About this exercise:
Return only the lines of the listing below that run from the line with "#50=IFCINDEXEDPOLYGONALFACE((1,5,6,2));" through the line with "#80=IFCMATERIAL('Timber leaf in", both ends included, exactly as written.

Data extracts:
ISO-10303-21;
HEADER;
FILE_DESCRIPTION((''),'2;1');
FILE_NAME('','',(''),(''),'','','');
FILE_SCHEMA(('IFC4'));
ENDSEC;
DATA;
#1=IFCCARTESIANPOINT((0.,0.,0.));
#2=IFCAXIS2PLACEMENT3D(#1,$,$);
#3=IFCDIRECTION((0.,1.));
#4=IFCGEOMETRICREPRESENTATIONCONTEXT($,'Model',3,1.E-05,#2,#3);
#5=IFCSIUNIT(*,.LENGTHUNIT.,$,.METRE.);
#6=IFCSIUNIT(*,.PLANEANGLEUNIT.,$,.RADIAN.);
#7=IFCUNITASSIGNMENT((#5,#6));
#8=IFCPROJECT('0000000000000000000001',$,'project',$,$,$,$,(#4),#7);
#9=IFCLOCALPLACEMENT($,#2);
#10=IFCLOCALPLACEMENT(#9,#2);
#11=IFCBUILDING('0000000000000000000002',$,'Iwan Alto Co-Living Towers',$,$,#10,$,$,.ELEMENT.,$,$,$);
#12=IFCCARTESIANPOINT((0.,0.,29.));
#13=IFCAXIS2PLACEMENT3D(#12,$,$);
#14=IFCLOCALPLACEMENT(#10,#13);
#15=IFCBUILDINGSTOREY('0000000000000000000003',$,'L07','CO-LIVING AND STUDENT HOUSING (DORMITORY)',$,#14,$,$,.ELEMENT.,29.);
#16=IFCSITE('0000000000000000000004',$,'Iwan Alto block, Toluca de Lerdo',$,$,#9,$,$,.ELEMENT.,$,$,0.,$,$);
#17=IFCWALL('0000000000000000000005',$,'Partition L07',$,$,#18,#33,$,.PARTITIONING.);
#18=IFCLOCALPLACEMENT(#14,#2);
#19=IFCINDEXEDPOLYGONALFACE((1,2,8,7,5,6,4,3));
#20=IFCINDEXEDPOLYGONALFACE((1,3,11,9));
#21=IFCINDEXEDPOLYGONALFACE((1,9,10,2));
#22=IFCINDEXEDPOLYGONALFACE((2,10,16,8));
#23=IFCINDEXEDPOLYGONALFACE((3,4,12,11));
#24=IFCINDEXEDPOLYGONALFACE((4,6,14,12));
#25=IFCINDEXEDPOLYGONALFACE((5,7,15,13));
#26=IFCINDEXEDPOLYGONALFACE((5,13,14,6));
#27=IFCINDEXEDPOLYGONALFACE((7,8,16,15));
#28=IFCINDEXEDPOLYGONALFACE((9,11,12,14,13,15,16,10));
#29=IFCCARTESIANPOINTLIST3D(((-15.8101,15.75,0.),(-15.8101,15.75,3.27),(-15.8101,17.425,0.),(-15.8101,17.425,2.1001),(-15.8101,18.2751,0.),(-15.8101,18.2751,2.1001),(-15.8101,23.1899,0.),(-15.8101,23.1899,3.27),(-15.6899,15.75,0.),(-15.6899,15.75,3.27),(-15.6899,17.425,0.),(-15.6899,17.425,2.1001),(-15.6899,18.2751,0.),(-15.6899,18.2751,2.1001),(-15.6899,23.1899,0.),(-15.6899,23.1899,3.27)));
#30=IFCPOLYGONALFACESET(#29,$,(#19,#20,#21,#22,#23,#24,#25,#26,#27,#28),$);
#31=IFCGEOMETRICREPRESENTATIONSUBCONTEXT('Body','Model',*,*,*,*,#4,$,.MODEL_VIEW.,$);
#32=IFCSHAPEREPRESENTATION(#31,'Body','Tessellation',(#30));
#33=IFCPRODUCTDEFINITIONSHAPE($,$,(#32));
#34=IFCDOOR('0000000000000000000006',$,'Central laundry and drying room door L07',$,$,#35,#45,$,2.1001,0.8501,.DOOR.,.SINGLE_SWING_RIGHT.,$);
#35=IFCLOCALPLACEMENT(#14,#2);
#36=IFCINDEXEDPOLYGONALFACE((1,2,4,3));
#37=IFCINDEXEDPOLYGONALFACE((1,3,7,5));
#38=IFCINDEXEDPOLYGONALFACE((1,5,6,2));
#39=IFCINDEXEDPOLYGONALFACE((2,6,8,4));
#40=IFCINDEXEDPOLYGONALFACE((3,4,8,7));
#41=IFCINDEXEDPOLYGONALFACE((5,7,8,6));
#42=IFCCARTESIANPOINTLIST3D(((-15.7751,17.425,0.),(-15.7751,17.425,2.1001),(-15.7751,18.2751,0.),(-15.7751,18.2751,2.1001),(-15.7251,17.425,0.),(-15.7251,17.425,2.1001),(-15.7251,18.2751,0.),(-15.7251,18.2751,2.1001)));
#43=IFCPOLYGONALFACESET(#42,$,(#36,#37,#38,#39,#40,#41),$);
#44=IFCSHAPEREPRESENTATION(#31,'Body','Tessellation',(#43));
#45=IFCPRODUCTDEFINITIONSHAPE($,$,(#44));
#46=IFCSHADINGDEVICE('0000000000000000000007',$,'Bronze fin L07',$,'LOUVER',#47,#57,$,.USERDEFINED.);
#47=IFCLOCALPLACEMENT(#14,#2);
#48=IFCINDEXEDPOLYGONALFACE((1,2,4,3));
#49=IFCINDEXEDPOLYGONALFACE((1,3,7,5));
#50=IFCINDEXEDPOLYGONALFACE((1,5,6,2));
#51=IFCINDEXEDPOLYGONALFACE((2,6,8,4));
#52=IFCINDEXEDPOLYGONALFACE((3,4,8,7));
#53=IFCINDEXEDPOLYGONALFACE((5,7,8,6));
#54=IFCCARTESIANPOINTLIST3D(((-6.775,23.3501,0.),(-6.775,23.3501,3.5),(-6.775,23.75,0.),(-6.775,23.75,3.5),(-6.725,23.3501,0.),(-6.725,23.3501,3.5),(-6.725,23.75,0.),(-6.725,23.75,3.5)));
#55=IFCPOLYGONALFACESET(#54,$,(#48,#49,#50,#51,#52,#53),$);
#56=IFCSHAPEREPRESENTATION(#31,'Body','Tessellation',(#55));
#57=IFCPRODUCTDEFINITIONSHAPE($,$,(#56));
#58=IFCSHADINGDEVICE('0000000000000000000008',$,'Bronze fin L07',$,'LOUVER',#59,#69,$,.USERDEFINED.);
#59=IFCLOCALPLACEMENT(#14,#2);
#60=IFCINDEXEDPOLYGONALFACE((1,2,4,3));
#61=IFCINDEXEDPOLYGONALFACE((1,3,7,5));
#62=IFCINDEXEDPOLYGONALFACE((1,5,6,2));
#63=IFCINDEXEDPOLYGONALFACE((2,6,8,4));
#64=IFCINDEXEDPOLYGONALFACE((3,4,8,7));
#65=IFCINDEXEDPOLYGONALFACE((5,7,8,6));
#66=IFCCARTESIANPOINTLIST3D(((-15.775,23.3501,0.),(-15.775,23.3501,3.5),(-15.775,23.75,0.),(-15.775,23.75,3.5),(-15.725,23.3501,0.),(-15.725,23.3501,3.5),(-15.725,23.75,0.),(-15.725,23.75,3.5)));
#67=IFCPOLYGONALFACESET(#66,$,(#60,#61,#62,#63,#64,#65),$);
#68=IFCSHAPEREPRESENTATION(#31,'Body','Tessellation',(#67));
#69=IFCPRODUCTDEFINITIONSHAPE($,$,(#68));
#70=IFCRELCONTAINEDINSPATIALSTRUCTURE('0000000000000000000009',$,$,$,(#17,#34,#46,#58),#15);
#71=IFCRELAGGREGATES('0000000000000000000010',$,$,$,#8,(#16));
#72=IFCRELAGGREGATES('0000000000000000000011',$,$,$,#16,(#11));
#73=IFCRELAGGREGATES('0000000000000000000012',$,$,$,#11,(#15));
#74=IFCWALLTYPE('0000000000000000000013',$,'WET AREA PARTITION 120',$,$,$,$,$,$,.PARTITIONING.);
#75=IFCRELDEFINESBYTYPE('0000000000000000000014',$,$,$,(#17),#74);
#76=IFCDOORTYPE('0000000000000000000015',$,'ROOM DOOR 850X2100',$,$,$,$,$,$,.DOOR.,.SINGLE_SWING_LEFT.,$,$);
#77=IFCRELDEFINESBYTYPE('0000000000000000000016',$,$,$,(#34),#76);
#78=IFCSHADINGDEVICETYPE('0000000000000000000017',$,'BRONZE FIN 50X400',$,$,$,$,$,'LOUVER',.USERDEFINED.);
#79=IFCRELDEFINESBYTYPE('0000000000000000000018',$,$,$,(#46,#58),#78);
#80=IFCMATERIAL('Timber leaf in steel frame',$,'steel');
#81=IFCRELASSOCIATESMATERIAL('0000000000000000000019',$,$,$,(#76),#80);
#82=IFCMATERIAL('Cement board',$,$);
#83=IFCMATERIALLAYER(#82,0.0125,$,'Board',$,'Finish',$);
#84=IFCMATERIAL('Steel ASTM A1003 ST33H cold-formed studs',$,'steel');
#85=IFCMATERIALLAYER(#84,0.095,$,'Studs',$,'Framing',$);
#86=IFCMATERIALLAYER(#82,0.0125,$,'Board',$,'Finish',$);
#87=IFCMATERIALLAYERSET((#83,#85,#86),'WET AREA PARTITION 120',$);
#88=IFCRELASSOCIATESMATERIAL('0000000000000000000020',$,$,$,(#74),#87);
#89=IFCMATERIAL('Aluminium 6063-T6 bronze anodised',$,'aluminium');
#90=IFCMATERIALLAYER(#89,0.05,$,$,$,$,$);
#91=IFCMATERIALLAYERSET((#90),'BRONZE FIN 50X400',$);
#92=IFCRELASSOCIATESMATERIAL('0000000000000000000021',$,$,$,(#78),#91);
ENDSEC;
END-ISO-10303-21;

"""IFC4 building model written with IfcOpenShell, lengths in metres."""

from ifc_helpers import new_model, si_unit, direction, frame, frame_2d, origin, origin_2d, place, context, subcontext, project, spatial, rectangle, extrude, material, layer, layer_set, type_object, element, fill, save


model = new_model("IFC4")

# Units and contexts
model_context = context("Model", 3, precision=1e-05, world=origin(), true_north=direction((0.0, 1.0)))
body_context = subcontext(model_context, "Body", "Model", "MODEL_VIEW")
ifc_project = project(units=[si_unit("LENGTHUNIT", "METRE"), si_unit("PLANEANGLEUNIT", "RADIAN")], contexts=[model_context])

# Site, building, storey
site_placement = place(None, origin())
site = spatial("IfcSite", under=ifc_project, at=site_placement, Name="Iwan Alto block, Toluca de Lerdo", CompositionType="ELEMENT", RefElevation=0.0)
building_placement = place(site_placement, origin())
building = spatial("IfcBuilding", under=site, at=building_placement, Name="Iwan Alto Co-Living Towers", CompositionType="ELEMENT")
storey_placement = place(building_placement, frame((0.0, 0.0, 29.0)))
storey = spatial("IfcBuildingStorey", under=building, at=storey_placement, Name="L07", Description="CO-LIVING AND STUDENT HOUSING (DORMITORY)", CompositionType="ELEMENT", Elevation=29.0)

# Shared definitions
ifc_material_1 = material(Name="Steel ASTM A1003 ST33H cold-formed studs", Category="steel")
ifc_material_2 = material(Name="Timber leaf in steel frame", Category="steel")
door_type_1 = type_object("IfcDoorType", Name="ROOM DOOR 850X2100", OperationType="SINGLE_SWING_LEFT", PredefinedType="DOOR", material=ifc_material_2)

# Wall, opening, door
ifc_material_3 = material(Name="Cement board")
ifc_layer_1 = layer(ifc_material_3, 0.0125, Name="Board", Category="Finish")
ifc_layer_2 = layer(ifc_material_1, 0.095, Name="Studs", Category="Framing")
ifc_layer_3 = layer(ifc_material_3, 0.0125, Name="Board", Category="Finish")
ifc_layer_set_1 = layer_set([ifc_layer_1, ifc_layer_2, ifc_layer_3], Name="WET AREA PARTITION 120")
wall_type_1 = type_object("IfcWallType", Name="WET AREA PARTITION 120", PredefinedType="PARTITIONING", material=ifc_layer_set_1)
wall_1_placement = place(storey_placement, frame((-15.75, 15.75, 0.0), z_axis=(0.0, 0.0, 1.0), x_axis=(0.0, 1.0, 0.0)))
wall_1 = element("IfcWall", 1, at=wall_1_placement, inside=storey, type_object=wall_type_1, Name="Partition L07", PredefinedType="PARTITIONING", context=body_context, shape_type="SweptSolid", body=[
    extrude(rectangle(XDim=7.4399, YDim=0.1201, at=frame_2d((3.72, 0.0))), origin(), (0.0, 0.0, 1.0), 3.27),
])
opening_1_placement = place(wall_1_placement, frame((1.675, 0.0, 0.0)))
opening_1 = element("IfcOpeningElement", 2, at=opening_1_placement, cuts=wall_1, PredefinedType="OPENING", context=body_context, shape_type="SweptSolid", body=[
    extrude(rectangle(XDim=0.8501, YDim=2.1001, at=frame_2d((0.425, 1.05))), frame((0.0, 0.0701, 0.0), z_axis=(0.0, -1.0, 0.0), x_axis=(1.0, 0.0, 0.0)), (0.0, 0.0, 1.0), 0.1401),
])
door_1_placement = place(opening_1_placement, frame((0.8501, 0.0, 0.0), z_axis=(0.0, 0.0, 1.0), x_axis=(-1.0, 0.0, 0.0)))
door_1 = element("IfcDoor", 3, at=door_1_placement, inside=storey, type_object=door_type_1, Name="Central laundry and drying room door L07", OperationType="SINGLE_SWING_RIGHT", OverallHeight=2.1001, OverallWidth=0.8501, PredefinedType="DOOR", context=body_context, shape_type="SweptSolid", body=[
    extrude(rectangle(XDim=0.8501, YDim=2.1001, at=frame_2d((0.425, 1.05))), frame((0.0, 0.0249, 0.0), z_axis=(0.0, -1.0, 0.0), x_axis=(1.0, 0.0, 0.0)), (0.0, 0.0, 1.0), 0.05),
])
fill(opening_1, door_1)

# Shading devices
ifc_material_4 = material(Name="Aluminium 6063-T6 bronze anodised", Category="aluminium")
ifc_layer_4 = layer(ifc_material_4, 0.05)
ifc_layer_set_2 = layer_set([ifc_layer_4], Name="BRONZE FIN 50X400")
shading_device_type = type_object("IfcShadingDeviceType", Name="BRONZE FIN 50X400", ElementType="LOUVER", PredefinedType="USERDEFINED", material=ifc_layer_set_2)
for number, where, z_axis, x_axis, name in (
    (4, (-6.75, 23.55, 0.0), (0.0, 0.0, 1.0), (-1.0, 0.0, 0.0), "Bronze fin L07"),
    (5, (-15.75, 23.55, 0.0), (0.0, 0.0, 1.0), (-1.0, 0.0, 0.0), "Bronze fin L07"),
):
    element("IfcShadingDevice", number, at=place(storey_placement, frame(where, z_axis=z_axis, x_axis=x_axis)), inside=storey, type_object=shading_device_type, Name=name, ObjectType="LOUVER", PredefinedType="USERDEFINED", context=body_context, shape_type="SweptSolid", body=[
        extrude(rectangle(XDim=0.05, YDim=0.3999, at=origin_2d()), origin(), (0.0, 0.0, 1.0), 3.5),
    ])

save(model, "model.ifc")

Task result:
#50=IFCINDEXEDPOLYGONALFACE((1,5,6,2));
#51=IFCINDEXEDPOLYGONALFACE((2,6,8,4));
#52=IFCINDEXEDPOLYGONALFACE((3,4,8,7));
#53=IFCINDEXEDPOLYGONALFACE((5,7,8,6));
#54=IFCCARTESIANPOINTLIST3D(((-6.775,23.3501,0.),(-6.775,23.3501,3.5),(-6.775,23.75,0.),(-6.775,23.75,3.5),(-6.725,23.3501,0.),(-6.725,23.3501,3.5),(-6.725,23.75,0.),(-6.725,23.75,3.5)));
#55=IFCPOLYGONALFACESET(#54,$,(#48,#49,#50,#51,#52,#53),$);
#56=IFCSHAPEREPRESENTATION(#31,'Body','Tessellation',(#55));
#57=IFCPRODUCTDEFINITIONSHAPE($,$,(#56));
#58=IFCSHADINGDEVICE('0000000000000000000008',$,'Bronze fin L07',$,'LOUVER',#59,#69,$,.USERDEFINED.);
#59=IFCLOCALPLACEMENT(#14,#2);
#60=IFCINDEXEDPOLYGONALFACE((1,2,4,3));
#61=IFCINDEXEDPOLYGONALFACE((1,3,7,5));
#62=IFCINDEXEDPOLYGONALFACE((1,5,6,2));
#63=IFCINDEXEDPOLYGONALFACE((2,6,8,4));
#64=IFCINDEXEDPOLYGONALFACE((3,4,8,7));
#65=IFCINDEXEDPOLYGONALFACE((5,7,8,6));
#66=IFCCARTESIANPOINTLIST3D(((-15.775,23.3501,0.),(-15.775,23.3501,3.5),(-15.775,23.75,0.),(-15.775,23.75,3.5),(-15.725,23.3501,0.),(-15.725,23.3501,3.5),(-15.725,23.75,0.),(-15.725,23.75,3.5)));
#67=IFCPOLYGONALFACESET(#66,$,(#60,#61,#62,#63,#64,#65),$);
#68=IFCSHAPEREPRESENTATION(#31,'Body','Tessellation',(#67));
#69=IFCPRODUCTDEFINITIONSHAPE($,$,(#68));
#70=IFCRELCONTAINEDINSPATIALSTRUCTURE('0000000000000000000009',$,$,$,(#17,#34,#46,#58),#15);
#71=IFCRELAGGREGATES('0000000000000000000010',$,$,$,#8,(#16));
#72=IFCRELAGGREGATES('0000000000000000000011',$,$,$,#16,(#11));
#73=IFCRELAGGREGATES('0000000000000000000012',$,$,$,#11,(#15));
#74=IFCWALLTYPE('0000000000000000000013',$,'WET AREA PARTITION 120',$,$,$,$,$,$,.PARTITIONING.);
#75=IFCRELDEFINESBYTYPE('0000000000000000000014',$,$,$,(#17),#74);
#76=IFCDOORTYPE('0000000000000000000015',$,'ROOM DOOR 850X2100',$,$,$,$,$,$,.DOOR.,.SINGLE_SWING_LEFT.,$,$);
#77=IFCRELDEFINESBYTYPE('0000000000000000000016',$,$,$,(#34),#76);
#78=IFCSHADINGDEVICETYPE('0000000000000000000017',$,'BRONZE FIN 50X400',$,$,$,$,$,'LOUVER',.USERDEFINED.);
#79=IFCRELDEFINESBYTYPE('0000000000000000000018',$,$,$,(#46,#58),#78);
#80=IFCMATERIAL('Timber leaf in steel frame',$,'steel');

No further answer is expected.